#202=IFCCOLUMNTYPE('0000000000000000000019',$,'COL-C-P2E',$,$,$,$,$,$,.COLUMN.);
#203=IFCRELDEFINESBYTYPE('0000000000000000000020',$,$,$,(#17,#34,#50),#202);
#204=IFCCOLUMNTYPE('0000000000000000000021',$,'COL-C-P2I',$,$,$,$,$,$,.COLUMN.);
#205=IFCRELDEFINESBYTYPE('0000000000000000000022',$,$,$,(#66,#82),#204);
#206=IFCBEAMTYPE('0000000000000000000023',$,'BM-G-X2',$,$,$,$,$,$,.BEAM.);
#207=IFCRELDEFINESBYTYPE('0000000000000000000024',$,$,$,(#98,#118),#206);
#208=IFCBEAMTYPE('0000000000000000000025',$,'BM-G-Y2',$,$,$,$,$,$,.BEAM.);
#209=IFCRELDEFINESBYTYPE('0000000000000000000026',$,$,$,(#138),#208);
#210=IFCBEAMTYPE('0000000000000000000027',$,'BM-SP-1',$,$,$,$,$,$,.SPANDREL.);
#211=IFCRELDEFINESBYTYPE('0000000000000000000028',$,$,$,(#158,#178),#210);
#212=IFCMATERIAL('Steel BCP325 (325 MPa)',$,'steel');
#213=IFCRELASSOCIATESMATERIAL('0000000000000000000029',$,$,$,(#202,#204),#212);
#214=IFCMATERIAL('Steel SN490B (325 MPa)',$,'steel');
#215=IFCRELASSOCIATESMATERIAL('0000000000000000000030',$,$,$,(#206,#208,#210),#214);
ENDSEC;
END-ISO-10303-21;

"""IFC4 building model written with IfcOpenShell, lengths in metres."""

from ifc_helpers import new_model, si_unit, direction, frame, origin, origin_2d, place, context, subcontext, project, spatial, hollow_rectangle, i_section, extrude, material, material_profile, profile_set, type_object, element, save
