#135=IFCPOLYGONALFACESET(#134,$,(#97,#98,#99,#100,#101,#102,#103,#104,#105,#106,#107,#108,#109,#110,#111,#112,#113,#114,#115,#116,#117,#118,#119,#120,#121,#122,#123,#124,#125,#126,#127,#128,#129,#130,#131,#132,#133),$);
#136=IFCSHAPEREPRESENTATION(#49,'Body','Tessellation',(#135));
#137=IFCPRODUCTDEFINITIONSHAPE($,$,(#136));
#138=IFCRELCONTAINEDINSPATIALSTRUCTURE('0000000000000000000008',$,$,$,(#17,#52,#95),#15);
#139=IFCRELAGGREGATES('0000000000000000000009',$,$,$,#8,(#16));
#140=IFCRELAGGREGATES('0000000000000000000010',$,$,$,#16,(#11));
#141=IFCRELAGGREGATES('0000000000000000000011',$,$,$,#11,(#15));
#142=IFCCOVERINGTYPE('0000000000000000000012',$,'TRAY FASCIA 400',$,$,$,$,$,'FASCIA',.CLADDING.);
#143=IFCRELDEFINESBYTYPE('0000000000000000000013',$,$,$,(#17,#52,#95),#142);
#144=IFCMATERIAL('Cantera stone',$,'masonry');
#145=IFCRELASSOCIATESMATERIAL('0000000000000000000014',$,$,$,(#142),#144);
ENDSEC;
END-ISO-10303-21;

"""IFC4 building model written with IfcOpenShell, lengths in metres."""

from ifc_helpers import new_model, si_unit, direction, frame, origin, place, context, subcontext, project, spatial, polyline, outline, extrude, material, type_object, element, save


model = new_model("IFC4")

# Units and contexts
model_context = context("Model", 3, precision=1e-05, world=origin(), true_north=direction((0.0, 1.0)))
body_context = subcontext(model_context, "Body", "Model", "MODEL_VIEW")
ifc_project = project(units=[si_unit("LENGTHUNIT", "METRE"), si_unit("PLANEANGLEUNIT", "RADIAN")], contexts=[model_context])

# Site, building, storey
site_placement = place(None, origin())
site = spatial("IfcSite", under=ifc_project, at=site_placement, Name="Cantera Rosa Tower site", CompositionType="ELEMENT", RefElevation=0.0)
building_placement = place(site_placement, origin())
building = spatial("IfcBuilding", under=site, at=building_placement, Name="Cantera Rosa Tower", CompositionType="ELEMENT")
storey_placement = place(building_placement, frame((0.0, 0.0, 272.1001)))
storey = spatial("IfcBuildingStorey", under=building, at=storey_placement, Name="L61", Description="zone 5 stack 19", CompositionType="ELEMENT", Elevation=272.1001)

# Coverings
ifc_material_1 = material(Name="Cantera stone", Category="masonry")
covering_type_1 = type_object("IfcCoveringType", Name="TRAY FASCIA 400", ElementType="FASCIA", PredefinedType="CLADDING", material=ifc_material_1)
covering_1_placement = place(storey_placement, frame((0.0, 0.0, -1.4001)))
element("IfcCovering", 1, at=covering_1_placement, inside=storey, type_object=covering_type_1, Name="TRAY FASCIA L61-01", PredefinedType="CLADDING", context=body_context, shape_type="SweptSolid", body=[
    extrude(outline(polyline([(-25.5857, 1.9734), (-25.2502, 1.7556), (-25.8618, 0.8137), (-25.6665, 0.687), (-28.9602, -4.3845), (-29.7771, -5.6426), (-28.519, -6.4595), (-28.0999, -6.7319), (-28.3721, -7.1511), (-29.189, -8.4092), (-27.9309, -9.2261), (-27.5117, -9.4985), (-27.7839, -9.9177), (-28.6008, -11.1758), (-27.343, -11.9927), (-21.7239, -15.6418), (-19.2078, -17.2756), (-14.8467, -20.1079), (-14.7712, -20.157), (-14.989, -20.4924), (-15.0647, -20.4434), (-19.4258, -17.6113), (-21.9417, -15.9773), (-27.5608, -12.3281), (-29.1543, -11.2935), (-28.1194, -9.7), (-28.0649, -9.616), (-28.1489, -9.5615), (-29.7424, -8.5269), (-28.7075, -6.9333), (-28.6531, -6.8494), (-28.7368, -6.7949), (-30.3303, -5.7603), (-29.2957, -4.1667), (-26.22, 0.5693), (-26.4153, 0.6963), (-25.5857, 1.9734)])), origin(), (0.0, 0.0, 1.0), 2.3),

========

• [Instructions to follow]
Work out how many lines of the material include "TRAY", then report only that count.

• [Solution to this task]
3